● Exercise: Return only those lines of the records below in which "steel" appears.

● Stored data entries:
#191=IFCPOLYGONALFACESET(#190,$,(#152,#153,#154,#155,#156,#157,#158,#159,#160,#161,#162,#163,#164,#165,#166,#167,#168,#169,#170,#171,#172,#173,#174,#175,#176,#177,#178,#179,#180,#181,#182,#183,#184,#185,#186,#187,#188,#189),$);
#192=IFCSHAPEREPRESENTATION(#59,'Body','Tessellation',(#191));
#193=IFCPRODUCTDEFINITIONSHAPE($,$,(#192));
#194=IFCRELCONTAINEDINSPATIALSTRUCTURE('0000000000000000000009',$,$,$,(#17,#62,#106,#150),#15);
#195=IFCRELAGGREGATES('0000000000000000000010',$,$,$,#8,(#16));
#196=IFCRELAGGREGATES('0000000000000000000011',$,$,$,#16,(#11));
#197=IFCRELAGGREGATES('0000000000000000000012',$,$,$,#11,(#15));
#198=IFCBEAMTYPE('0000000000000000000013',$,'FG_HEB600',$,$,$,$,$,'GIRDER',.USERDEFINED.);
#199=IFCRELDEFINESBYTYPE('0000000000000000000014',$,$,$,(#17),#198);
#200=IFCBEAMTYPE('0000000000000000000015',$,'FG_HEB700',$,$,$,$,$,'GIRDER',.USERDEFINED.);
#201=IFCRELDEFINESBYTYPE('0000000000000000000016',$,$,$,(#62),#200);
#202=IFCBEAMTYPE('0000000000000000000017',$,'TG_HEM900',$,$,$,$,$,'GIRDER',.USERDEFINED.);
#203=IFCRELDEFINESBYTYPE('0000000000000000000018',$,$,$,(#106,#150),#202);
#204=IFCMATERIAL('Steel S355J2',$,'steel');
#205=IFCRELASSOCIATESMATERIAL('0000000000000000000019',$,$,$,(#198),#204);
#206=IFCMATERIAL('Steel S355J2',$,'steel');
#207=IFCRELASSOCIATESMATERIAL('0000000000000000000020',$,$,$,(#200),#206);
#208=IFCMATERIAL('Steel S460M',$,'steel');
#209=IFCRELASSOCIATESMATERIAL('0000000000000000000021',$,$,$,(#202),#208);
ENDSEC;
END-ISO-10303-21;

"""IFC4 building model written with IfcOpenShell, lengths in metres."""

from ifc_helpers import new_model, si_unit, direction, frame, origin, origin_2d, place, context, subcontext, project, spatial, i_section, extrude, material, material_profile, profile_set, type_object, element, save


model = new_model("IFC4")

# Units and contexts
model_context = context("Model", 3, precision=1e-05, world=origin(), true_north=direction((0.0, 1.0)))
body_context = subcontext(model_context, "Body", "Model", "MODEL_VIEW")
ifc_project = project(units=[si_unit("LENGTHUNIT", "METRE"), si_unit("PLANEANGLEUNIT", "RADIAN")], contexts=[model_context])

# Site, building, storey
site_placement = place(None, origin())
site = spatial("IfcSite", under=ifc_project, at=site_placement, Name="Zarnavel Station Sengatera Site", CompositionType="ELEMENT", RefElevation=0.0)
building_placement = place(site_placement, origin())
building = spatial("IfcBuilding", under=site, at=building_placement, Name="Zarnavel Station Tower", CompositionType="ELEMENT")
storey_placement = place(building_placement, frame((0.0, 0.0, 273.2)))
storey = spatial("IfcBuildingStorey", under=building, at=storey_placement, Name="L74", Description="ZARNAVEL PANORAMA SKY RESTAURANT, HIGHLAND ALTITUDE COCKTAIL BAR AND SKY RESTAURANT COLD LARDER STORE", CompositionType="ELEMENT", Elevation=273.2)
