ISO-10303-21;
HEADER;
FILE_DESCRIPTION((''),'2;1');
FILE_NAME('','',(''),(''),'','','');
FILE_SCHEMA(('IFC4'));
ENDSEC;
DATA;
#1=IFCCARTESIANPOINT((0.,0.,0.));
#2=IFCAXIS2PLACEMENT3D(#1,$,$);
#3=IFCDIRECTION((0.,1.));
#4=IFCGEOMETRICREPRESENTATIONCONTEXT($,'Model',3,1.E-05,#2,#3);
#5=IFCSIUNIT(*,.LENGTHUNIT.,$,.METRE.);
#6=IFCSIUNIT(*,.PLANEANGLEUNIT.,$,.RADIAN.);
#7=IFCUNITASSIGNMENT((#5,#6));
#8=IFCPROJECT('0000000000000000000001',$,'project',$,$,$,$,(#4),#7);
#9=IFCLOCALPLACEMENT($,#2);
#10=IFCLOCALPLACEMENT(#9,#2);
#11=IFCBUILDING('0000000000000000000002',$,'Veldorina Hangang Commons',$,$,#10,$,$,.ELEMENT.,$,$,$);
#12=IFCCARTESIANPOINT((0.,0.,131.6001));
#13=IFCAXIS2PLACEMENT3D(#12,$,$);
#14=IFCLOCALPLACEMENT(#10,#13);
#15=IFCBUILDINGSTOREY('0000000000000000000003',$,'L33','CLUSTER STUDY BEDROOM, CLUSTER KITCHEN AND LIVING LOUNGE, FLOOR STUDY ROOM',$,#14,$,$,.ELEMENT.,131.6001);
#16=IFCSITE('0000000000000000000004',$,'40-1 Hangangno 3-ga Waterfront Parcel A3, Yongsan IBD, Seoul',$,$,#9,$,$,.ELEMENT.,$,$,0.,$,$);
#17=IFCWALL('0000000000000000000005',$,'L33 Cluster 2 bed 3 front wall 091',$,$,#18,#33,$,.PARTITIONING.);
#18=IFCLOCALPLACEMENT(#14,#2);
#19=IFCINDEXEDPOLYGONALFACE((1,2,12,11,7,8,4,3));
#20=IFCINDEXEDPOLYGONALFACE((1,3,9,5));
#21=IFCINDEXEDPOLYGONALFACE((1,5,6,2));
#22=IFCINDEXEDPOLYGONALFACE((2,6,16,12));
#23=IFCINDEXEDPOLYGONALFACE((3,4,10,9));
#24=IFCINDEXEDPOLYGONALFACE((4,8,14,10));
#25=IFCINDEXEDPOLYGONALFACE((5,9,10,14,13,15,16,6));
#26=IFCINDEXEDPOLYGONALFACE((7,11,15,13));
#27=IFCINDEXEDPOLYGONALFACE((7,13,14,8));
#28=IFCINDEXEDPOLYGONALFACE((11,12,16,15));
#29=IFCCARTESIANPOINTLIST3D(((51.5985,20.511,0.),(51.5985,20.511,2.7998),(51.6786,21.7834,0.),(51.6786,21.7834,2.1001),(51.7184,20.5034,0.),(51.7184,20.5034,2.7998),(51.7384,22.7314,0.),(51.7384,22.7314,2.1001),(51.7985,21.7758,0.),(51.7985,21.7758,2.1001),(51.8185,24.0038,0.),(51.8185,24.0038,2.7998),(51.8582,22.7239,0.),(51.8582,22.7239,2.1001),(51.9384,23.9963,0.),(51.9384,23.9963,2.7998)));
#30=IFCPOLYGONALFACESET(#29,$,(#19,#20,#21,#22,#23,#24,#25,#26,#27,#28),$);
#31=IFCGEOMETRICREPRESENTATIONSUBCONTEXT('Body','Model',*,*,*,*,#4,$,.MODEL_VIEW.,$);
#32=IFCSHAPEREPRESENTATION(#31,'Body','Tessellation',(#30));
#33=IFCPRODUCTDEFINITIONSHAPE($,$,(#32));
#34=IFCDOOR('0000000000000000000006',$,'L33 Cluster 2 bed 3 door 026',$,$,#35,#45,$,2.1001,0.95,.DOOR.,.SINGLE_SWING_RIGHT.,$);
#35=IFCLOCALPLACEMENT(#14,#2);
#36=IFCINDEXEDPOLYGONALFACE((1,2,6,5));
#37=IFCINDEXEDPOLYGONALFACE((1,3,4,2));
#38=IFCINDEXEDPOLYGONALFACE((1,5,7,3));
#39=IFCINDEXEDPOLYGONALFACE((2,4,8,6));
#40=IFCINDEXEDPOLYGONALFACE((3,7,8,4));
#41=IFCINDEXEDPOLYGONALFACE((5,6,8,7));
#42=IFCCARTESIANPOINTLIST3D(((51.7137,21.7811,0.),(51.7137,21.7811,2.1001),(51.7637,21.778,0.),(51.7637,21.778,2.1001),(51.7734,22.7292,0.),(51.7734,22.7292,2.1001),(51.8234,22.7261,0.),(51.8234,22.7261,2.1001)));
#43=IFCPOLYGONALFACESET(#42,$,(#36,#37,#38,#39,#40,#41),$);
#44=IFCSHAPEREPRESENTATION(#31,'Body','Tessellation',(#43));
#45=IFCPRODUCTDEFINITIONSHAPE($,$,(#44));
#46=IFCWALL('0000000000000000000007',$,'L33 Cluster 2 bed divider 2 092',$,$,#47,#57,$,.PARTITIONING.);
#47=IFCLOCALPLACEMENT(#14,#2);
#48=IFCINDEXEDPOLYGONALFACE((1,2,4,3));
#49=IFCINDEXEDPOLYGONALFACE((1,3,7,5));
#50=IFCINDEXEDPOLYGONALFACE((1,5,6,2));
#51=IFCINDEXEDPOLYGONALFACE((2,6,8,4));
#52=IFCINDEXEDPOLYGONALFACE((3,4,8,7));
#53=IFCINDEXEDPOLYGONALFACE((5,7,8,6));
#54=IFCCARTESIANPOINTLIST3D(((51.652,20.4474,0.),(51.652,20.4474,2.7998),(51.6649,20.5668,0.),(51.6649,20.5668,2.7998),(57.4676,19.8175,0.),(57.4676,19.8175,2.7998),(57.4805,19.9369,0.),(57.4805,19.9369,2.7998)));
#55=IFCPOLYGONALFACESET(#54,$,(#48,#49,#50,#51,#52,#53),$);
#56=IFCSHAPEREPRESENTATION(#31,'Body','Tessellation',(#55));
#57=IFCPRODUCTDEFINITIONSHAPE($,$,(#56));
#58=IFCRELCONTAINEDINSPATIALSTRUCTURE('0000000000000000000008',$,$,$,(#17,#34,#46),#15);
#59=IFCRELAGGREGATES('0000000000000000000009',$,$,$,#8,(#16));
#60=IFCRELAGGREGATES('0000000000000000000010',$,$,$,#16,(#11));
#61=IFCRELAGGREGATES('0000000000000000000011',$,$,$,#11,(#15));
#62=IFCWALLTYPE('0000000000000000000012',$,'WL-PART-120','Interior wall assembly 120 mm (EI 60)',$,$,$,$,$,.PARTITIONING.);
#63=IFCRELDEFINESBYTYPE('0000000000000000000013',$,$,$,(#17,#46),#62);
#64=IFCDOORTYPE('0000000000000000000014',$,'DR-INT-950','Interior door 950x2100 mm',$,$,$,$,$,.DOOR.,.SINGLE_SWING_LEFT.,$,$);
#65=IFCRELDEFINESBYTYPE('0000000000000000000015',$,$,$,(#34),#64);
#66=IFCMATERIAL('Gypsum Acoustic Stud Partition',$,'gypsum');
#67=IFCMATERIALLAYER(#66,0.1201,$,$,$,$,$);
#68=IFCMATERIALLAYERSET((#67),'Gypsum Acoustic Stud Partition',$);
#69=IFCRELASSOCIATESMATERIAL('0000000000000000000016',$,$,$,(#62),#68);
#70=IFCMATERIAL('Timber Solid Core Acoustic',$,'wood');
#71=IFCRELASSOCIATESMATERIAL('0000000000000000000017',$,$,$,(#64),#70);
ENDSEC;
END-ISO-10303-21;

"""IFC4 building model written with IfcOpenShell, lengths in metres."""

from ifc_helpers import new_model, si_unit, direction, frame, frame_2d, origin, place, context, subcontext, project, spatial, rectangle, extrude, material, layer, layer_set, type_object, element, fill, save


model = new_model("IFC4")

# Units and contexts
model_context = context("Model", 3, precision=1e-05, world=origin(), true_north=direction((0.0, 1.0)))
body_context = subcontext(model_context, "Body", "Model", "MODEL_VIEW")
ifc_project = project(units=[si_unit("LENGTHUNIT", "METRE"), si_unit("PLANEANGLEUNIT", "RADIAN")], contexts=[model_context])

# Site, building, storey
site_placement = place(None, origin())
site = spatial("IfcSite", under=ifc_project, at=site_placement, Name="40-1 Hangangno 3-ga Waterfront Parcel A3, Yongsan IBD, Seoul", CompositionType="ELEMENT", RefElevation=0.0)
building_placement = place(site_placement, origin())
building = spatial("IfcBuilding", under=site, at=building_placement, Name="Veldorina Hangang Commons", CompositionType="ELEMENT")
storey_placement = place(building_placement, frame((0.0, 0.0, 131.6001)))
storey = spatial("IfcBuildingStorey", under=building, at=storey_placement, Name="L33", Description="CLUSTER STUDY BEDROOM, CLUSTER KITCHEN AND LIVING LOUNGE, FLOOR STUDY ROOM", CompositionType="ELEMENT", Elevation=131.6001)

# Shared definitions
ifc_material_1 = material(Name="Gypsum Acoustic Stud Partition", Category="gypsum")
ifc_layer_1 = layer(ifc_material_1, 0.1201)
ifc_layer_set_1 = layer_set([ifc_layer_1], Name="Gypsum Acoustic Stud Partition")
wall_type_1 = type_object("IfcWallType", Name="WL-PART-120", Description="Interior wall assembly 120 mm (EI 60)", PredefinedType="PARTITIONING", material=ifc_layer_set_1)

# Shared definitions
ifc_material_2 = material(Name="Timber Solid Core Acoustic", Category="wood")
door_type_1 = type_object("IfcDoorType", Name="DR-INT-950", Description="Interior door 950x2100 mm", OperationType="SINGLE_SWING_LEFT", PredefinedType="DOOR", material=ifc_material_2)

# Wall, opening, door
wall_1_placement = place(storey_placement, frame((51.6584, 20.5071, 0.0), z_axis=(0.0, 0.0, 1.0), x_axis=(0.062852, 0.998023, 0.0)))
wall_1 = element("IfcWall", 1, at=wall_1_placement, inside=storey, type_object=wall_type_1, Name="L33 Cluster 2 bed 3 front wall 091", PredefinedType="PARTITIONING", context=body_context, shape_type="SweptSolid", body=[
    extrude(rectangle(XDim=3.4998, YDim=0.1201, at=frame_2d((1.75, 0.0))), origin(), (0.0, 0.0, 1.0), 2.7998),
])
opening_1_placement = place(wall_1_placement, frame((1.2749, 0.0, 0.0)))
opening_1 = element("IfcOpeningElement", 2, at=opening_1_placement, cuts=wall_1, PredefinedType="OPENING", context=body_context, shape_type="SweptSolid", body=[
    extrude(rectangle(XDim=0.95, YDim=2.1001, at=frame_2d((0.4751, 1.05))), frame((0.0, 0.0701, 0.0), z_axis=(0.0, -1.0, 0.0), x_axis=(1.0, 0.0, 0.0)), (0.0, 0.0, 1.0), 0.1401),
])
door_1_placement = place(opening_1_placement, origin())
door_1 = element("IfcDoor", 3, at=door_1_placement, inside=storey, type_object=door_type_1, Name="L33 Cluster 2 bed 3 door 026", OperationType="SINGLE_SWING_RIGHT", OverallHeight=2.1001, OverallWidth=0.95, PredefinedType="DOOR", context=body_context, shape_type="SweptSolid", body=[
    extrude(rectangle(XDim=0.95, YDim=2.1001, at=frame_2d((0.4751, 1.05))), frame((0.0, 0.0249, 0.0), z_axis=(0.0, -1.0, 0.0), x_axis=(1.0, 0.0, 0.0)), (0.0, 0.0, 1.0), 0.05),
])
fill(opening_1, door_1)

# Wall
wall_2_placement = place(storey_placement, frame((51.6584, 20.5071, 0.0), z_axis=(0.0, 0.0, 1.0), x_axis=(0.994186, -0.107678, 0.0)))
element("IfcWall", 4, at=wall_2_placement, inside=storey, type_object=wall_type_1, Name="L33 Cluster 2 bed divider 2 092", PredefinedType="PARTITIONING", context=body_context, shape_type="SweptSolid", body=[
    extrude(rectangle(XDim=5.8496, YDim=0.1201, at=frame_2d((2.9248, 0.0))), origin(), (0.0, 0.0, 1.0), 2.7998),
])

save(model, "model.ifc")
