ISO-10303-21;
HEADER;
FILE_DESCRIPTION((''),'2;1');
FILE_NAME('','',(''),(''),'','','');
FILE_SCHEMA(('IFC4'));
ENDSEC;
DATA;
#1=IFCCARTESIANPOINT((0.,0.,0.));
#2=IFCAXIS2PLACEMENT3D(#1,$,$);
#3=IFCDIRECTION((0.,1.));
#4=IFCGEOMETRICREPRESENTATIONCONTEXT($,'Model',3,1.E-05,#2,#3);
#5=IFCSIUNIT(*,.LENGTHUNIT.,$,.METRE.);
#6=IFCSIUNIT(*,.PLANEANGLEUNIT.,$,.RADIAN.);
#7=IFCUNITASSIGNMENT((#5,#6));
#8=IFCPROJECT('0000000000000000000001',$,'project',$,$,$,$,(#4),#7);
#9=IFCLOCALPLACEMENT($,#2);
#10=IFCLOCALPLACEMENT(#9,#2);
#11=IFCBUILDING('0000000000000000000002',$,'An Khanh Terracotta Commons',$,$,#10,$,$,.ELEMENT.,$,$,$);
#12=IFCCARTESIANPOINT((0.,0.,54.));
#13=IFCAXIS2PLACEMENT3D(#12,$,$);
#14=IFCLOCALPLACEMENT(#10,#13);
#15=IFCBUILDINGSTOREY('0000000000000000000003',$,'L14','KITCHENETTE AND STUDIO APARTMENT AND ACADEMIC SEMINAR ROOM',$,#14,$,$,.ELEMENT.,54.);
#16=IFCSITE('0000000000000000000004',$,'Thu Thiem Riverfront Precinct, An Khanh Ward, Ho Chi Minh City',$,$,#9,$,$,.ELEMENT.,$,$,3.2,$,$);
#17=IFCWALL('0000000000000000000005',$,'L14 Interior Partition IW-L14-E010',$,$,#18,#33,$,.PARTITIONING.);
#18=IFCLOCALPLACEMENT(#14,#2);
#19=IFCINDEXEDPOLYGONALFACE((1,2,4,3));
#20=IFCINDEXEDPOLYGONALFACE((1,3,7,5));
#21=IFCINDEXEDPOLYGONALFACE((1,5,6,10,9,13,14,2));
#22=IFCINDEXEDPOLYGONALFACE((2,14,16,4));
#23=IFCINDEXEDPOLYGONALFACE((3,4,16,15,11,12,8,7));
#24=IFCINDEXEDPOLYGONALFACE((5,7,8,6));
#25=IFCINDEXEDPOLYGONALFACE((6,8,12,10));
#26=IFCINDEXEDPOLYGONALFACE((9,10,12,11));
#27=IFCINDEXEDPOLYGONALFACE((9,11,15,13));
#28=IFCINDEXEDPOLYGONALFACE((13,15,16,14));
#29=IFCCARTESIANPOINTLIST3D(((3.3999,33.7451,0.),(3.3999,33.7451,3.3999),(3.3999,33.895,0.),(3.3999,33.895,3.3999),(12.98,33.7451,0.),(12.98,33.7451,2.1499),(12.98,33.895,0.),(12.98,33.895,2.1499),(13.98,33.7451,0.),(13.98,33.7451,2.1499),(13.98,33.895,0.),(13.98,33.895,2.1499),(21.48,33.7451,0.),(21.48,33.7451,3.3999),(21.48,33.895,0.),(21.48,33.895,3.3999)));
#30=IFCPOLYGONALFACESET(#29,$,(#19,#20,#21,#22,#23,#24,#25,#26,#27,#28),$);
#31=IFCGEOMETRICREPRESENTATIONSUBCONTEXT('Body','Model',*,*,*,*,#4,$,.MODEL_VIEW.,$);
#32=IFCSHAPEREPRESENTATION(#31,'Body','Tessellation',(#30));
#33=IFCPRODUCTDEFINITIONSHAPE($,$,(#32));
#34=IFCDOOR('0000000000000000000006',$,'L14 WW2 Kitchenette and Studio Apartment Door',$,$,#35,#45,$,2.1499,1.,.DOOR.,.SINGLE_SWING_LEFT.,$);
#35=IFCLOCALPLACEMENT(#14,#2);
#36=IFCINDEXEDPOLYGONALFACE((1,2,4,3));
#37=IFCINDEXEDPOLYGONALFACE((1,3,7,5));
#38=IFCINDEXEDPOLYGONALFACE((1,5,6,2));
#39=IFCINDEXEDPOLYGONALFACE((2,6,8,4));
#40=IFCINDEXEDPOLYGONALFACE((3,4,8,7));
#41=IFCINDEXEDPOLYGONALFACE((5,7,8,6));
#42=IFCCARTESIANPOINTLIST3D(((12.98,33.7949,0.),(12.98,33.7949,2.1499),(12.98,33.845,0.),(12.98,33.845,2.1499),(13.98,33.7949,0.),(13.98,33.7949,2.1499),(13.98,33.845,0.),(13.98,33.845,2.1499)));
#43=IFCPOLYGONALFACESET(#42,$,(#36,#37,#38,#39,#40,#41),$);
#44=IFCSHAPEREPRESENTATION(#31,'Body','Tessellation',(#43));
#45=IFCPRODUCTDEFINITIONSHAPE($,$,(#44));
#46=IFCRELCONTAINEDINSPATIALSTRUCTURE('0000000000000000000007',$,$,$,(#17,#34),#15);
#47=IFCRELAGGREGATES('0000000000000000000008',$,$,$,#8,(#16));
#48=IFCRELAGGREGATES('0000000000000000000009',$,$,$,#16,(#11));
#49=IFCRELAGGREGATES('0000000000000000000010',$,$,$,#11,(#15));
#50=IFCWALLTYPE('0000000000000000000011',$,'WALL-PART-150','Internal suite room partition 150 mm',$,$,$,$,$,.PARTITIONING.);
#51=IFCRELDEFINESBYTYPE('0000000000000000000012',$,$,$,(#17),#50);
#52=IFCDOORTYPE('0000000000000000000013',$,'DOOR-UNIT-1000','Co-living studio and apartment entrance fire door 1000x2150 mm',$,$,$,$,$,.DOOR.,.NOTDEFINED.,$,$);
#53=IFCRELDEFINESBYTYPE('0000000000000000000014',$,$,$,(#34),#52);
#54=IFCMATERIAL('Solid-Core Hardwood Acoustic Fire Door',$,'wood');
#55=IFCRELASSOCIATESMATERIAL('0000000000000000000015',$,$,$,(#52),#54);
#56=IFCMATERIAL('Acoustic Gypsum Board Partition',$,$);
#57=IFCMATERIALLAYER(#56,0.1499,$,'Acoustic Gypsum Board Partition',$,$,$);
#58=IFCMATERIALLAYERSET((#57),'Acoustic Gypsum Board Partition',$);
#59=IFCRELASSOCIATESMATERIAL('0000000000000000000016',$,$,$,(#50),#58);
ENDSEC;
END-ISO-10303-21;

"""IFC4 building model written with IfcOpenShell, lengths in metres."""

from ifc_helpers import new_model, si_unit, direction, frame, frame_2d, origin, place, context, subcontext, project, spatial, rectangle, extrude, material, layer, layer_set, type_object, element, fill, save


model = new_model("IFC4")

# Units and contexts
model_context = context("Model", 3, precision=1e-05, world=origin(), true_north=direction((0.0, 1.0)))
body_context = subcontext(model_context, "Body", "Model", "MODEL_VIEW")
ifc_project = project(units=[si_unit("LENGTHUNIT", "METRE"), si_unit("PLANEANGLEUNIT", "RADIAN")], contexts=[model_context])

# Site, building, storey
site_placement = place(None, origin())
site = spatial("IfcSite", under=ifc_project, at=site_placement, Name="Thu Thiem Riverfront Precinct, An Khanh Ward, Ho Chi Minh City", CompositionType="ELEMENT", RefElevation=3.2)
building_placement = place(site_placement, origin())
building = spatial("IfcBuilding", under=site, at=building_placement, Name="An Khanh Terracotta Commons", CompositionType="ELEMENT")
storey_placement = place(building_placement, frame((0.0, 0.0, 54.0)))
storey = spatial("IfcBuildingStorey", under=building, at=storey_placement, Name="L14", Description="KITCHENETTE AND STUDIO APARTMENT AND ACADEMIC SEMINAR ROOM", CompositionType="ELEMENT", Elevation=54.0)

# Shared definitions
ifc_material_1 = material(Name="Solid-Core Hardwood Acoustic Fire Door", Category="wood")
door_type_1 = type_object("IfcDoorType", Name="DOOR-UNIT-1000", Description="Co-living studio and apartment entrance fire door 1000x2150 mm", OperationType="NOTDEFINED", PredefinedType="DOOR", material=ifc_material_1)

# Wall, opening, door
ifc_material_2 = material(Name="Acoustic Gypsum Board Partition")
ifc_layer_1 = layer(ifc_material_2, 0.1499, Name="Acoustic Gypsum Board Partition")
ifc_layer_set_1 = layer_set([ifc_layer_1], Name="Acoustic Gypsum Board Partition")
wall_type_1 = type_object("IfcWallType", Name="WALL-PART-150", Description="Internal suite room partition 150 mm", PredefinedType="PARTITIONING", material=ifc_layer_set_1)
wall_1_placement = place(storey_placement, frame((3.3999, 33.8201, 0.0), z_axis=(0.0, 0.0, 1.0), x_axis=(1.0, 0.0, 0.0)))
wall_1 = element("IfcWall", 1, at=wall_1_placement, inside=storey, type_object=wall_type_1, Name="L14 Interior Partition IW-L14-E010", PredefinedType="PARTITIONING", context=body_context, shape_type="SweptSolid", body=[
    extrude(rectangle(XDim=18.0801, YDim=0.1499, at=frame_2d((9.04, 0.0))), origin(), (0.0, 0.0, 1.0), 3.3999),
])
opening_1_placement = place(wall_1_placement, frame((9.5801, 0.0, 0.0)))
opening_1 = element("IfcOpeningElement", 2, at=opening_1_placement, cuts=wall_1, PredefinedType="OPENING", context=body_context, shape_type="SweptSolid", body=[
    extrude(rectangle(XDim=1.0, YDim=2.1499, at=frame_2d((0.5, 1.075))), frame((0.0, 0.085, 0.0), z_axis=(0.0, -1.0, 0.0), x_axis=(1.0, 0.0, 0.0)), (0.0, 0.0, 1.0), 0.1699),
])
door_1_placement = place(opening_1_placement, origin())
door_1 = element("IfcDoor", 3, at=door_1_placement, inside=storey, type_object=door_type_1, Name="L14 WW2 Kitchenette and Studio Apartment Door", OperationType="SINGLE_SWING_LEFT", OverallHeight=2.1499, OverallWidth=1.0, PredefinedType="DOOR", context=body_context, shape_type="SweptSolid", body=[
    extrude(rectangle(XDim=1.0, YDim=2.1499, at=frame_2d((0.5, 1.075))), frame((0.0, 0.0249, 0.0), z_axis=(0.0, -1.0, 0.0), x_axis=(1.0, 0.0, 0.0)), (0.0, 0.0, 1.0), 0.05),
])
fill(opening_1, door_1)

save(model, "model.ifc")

● Task result:
#204=IFCMATERIAL('Steel S355J2',$,'steel');
#206=IFCMATERIAL('Steel S355J2',$,'steel');
#208=IFCMATERIAL('Steel S460M',$,'steel');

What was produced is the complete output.